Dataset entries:
★ ★ ★ ★ ★ ★ ★
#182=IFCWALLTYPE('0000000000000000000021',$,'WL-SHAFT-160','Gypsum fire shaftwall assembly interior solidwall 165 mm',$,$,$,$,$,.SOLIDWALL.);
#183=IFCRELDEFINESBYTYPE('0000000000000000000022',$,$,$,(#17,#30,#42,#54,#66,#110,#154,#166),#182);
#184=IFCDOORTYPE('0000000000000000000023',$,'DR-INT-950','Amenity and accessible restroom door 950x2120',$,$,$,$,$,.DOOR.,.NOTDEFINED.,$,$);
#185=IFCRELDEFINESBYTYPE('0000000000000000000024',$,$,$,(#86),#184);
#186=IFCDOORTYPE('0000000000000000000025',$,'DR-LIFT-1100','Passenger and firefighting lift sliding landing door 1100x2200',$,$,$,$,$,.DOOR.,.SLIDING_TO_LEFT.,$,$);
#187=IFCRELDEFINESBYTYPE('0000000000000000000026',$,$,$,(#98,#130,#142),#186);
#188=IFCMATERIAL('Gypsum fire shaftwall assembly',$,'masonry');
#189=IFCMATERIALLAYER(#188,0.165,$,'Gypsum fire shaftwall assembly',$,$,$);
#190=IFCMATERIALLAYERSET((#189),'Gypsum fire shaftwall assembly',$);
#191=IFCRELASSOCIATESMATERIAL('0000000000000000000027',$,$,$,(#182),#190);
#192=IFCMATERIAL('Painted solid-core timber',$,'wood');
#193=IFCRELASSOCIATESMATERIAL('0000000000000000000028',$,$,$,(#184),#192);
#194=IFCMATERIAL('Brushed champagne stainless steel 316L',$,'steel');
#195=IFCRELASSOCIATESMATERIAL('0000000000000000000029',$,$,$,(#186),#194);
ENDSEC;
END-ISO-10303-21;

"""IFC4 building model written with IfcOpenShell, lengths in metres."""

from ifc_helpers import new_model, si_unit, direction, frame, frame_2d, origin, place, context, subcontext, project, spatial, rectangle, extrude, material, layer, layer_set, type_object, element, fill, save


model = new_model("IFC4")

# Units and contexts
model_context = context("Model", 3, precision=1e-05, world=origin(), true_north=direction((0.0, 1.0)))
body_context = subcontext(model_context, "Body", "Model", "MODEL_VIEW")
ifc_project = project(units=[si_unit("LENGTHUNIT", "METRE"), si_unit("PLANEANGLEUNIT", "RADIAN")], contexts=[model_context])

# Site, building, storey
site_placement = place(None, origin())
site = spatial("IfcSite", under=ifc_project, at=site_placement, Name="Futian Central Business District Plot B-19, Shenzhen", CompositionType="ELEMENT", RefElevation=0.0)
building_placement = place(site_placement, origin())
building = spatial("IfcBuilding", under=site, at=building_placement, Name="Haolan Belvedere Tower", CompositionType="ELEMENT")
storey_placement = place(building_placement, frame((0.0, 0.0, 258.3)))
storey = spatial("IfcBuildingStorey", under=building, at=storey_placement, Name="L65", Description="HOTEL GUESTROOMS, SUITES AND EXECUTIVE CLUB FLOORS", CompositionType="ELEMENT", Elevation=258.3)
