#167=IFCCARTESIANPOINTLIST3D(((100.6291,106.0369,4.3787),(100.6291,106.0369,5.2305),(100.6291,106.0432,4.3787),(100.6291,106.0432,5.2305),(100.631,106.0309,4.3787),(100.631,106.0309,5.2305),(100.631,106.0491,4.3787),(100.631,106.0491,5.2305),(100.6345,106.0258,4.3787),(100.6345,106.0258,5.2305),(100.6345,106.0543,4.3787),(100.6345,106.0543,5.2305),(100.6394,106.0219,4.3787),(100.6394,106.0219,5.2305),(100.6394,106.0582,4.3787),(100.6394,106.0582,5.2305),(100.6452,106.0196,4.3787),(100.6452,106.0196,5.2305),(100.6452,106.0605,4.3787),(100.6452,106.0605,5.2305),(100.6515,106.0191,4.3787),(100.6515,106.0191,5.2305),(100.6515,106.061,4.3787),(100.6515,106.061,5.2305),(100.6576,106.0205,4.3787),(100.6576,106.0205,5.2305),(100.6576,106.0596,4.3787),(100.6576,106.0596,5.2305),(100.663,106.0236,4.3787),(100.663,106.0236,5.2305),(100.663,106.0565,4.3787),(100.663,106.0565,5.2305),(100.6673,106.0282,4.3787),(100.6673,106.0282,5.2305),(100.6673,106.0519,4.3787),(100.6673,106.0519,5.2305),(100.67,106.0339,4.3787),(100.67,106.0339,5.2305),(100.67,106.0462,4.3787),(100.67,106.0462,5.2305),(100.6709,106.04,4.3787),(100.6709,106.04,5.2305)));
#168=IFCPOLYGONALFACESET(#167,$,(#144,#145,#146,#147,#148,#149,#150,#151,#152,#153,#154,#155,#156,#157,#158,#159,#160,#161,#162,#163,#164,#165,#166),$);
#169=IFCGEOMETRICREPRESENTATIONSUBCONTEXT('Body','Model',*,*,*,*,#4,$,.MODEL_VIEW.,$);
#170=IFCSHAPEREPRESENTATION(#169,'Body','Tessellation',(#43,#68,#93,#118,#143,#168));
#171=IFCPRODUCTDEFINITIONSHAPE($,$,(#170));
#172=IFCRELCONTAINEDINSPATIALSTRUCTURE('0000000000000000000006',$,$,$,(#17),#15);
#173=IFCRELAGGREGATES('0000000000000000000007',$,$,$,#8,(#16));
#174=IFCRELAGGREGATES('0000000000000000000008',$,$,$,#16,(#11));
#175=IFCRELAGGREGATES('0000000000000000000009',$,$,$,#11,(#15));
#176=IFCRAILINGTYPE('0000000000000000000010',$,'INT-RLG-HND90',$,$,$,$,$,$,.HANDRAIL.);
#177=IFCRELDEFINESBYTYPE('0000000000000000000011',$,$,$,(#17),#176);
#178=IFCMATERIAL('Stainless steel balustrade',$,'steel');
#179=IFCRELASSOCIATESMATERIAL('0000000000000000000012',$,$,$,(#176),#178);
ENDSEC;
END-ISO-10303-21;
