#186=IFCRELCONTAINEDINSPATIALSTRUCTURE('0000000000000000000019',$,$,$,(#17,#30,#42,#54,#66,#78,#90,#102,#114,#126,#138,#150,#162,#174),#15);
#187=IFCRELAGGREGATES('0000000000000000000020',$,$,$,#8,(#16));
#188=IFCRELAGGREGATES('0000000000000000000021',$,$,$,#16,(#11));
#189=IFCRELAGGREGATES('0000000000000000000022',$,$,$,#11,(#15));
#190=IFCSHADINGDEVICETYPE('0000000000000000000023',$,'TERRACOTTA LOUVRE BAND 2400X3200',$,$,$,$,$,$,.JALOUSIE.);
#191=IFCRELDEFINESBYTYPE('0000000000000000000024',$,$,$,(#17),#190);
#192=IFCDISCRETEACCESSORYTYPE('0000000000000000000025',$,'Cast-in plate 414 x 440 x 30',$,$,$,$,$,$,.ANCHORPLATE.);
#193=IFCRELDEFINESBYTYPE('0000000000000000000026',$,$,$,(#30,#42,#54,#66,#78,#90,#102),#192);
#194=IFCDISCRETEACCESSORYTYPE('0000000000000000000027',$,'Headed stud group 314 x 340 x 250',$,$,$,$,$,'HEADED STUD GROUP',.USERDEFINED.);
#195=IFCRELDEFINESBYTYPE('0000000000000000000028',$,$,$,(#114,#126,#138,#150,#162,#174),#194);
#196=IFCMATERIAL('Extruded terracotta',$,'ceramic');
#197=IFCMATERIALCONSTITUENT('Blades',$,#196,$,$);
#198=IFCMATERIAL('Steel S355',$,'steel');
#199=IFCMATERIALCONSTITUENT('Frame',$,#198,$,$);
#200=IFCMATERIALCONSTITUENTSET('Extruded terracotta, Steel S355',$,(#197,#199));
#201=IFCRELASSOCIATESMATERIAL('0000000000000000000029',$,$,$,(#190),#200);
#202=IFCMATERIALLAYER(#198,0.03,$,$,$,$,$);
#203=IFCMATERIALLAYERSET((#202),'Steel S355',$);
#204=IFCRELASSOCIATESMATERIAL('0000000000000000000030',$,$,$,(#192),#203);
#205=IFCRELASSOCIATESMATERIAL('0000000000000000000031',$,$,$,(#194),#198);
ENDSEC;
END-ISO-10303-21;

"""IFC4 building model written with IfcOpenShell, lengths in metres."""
★ ★ ★ ★ ★ ★ ★
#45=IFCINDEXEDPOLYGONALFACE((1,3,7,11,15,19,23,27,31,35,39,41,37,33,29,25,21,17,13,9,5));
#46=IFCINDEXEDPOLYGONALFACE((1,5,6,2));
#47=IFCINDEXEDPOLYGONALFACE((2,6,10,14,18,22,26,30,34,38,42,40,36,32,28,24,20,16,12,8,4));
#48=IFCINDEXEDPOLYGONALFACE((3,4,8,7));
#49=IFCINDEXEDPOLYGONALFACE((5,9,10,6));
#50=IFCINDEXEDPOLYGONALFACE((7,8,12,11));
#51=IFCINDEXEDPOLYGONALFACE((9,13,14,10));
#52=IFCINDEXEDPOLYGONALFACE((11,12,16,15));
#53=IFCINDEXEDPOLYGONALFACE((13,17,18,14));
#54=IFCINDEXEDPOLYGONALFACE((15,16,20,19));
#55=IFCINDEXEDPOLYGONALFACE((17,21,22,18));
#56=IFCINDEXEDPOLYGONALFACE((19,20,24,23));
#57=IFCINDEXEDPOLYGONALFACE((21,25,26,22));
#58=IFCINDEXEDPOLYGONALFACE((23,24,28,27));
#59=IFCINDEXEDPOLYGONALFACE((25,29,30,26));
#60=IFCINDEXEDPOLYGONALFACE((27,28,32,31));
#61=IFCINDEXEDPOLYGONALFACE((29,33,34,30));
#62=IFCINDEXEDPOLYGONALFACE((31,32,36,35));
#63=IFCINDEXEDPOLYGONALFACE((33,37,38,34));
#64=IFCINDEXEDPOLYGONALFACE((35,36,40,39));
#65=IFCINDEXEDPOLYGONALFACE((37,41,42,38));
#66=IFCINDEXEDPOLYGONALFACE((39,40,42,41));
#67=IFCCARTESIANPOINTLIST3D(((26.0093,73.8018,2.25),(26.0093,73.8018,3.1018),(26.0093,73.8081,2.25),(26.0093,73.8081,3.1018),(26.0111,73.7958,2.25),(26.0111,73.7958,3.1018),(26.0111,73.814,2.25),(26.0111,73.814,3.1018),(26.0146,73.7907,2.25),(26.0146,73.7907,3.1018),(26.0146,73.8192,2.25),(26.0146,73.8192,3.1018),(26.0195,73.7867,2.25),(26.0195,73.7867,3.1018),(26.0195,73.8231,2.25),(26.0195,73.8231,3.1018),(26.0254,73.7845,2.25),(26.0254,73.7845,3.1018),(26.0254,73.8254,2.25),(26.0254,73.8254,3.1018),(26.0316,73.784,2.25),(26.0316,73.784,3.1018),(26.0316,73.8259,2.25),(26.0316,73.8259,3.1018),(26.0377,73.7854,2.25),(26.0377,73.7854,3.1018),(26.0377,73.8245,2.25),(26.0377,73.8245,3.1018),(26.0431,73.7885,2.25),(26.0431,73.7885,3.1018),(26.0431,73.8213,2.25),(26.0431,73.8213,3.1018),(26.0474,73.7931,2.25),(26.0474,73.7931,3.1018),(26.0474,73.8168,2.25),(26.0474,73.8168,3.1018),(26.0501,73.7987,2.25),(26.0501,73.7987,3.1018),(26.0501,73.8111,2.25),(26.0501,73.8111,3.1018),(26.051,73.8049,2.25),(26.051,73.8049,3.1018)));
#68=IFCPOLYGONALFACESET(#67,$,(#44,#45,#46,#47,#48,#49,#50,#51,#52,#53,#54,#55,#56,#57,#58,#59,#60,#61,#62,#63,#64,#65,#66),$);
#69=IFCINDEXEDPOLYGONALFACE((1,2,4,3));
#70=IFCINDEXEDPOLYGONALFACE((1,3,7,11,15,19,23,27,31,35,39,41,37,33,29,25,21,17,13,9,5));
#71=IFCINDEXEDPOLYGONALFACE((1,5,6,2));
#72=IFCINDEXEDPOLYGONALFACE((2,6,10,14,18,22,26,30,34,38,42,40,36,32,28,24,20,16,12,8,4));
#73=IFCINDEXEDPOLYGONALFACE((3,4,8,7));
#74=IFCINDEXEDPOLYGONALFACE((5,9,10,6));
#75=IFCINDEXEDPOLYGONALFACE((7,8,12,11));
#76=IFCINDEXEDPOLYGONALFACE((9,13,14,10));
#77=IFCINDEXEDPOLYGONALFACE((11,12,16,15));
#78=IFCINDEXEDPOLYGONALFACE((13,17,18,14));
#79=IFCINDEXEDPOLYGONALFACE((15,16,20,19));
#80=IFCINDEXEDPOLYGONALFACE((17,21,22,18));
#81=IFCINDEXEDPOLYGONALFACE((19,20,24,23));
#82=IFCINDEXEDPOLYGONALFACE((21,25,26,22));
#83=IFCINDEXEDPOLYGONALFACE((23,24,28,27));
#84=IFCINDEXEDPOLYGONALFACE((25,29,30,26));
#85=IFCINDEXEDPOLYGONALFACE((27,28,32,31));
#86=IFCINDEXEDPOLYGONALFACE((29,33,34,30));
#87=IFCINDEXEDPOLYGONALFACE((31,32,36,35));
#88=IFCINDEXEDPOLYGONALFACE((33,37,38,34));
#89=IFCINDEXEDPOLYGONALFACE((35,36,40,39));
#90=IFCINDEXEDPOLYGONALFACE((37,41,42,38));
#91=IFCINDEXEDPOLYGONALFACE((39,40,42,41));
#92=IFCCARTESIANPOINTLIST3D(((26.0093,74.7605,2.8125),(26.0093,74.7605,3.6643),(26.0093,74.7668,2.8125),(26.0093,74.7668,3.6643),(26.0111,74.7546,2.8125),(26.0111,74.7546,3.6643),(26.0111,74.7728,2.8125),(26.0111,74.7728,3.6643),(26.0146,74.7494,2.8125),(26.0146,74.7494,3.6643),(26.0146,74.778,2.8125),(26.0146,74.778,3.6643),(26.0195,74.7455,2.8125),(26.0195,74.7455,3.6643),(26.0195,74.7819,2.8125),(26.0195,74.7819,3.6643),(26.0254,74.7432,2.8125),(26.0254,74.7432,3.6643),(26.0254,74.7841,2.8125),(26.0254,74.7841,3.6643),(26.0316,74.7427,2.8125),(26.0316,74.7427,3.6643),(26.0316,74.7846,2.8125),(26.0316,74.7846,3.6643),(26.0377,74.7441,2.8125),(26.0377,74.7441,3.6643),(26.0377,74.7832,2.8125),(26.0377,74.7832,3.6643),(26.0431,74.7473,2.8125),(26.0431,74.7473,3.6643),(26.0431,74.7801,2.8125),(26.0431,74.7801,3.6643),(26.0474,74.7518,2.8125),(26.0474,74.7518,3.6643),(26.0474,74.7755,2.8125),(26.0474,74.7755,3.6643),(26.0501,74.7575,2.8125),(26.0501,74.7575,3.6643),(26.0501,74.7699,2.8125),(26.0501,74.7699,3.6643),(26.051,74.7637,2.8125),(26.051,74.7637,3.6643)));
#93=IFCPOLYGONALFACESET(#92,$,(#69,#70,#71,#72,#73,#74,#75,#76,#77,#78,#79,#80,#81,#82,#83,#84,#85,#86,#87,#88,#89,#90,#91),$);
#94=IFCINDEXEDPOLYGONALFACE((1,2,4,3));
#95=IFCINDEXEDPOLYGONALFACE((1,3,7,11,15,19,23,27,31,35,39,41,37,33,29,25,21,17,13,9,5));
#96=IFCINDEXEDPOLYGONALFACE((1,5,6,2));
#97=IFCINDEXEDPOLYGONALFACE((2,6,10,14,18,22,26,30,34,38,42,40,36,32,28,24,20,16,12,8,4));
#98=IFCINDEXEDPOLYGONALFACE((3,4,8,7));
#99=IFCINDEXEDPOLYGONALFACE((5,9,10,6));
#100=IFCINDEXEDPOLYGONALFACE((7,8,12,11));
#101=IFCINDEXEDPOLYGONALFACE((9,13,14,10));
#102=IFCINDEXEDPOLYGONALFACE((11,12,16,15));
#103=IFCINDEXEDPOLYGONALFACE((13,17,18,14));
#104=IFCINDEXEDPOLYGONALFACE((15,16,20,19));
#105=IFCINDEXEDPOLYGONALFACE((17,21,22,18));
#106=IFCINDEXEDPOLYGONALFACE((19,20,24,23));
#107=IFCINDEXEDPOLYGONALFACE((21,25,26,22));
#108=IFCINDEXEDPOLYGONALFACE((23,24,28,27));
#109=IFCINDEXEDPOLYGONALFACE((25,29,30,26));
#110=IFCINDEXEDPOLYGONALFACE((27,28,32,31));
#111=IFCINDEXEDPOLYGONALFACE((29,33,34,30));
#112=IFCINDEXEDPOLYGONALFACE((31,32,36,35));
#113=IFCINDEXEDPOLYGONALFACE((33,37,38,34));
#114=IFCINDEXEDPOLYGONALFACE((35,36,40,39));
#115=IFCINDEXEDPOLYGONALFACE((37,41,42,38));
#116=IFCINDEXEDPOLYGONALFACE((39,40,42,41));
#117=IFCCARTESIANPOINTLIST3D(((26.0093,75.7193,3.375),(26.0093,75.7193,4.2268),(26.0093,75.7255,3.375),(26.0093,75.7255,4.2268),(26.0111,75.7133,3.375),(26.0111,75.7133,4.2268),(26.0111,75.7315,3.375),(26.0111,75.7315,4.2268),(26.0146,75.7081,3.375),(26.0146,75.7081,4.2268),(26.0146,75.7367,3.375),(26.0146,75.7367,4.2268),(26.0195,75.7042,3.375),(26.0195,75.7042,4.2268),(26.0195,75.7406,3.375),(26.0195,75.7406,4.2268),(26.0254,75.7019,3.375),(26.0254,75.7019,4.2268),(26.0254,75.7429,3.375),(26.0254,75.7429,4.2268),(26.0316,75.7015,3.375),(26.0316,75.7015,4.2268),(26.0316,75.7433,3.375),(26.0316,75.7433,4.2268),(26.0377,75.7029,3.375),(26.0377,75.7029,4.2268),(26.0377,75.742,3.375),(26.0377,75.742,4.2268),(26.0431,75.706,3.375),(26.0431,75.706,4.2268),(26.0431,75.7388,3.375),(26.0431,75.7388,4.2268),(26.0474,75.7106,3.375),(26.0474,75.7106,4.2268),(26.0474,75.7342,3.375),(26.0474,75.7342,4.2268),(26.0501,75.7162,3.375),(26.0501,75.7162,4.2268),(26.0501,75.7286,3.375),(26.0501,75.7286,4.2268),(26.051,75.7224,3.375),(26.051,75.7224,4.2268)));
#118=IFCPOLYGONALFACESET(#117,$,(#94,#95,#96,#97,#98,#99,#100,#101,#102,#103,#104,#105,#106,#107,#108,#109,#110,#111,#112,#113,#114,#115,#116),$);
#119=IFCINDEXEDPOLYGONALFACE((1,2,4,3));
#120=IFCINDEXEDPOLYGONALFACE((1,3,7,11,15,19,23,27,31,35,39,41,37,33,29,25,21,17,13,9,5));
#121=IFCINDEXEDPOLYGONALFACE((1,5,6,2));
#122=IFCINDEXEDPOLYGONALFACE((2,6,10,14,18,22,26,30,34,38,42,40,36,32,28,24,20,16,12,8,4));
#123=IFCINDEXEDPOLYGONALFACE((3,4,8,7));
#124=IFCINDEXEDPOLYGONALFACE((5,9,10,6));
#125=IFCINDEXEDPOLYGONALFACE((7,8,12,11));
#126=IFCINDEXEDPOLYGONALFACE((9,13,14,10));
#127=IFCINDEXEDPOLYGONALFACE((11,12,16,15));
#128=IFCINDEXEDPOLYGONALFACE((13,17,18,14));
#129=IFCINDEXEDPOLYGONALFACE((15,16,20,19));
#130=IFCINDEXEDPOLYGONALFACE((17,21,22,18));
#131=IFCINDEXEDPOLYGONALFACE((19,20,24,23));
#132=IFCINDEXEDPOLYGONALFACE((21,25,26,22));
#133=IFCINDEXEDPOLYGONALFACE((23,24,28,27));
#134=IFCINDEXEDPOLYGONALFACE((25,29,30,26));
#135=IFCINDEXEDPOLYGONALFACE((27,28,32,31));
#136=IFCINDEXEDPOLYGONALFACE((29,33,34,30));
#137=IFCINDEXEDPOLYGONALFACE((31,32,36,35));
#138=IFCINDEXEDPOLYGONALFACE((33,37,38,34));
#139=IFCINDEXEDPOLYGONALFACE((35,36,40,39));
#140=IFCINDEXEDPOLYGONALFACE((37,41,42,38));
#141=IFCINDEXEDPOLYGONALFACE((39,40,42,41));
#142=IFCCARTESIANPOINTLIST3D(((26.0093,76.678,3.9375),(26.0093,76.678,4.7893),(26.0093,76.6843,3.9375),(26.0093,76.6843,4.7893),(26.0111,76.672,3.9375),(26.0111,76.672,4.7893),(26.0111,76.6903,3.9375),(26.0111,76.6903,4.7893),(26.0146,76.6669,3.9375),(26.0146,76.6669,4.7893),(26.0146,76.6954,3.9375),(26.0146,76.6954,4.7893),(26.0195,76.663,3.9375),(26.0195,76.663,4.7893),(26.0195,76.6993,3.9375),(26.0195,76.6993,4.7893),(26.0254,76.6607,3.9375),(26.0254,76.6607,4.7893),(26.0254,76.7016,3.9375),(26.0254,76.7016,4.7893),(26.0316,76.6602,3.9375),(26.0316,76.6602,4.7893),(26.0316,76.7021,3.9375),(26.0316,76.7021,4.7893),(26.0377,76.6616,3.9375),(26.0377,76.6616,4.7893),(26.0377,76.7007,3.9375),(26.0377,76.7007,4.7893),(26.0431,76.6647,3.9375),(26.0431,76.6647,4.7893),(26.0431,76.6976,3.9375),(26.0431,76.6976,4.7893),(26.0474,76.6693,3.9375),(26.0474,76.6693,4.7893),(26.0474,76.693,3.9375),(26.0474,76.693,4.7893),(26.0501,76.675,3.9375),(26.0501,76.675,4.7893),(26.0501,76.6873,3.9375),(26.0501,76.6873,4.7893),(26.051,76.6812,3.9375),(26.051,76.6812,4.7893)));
★ ★ ★ ★ ★ ★ ★
Directions for this task:
Above are the records; repeat exactly the lines from the one holding "#101=IFCINDEXEDPOLYGONALFACE((9,13,14,10));" down to the one holding "#107=IFCINDEXEDPOLYGONALFACE((21,25,26,22));", end lines included.

Written solution:
#101=IFCINDEXEDPOLYGONALFACE((9,13,14,10));
#102=IFCINDEXEDPOLYGONALFACE((11,12,16,15));
#103=IFCINDEXEDPOLYGONALFACE((13,17,18,14));
#104=IFCINDEXEDPOLYGONALFACE((15,16,20,19));
#105=IFCINDEXEDPOLYGONALFACE((17,21,22,18));
#106=IFCINDEXEDPOLYGONALFACE((19,20,24,23));
#107=IFCINDEXEDPOLYGONALFACE((21,25,26,22));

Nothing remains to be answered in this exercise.